• [EXERCISE DIRECTIONS]: The answer must consist of every line below that holds the word "subcontext".

• [INFORMATION GIVEN]:

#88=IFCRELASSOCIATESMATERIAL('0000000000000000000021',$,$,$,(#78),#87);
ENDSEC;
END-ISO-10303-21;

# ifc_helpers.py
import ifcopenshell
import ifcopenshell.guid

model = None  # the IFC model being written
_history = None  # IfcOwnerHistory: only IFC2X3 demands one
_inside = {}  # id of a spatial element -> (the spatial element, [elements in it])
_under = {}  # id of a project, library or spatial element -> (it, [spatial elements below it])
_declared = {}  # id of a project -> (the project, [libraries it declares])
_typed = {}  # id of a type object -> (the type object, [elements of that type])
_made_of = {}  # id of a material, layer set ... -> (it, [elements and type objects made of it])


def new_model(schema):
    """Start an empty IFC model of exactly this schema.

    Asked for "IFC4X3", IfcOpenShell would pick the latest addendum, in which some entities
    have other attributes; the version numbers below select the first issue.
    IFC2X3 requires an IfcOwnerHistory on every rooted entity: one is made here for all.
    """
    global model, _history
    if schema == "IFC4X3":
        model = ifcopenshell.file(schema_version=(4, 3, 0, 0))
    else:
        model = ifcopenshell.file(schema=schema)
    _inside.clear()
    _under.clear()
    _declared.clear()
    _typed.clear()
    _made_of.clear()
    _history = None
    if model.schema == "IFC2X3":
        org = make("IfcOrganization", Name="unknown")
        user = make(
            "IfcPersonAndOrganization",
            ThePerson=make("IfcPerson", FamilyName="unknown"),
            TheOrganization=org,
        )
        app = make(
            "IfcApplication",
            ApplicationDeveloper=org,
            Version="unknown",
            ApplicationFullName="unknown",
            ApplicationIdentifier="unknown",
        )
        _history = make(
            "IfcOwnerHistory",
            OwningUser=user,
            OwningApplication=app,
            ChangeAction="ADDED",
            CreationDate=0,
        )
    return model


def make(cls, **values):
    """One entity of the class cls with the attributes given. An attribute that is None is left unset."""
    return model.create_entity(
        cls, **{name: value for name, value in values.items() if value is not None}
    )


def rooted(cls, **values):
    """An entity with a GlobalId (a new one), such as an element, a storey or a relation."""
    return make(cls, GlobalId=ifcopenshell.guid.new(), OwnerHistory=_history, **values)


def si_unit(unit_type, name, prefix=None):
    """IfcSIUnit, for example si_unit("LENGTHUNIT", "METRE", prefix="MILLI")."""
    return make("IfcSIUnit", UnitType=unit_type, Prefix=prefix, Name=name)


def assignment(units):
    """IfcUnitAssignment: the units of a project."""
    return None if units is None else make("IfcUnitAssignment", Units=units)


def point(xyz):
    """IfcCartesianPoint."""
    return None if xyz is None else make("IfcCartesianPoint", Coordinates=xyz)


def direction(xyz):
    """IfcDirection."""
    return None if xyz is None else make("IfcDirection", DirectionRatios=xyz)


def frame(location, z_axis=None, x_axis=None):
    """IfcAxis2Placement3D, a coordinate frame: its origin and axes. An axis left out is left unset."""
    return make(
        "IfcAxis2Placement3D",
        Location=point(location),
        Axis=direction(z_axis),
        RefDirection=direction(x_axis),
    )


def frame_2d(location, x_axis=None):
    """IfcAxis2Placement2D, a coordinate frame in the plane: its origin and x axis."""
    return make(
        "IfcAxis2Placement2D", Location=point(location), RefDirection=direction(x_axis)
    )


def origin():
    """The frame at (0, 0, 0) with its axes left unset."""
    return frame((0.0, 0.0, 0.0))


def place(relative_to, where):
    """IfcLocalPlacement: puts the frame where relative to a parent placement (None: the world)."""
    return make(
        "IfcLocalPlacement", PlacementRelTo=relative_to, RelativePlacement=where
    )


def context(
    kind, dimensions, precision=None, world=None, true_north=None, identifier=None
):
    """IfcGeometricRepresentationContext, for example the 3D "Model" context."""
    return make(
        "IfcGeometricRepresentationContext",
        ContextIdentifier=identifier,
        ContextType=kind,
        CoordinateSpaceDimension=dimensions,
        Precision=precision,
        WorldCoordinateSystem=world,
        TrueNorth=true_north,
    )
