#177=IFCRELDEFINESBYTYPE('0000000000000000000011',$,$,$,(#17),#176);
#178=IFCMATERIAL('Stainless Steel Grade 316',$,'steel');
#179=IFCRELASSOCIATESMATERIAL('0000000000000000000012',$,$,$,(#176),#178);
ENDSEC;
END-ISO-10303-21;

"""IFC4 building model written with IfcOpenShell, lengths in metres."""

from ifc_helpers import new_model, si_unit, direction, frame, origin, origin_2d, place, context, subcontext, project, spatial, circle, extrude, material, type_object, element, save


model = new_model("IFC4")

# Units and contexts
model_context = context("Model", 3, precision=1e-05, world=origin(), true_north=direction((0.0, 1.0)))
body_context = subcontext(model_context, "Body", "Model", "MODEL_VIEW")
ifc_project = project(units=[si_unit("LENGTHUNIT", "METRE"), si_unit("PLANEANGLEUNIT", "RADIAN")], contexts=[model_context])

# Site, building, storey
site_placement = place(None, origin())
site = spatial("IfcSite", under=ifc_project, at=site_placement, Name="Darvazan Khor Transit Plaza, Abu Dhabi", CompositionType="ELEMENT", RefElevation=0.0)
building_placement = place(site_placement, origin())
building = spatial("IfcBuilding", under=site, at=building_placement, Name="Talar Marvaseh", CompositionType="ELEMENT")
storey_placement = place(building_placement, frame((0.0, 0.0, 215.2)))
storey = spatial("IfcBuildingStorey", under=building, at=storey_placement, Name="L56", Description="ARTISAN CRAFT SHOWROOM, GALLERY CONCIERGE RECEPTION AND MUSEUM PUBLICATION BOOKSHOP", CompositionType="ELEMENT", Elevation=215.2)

• [EXERCISE SOLUTION]:
from ifc_helpers import new_model, si_unit, direction, frame, origin, origin_2d, place, context, subcontext, project, spatial, circle, extrude, material, type_object, element, save
body_context = subcontext(model_context, "Body", "Model", "MODEL_VIEW")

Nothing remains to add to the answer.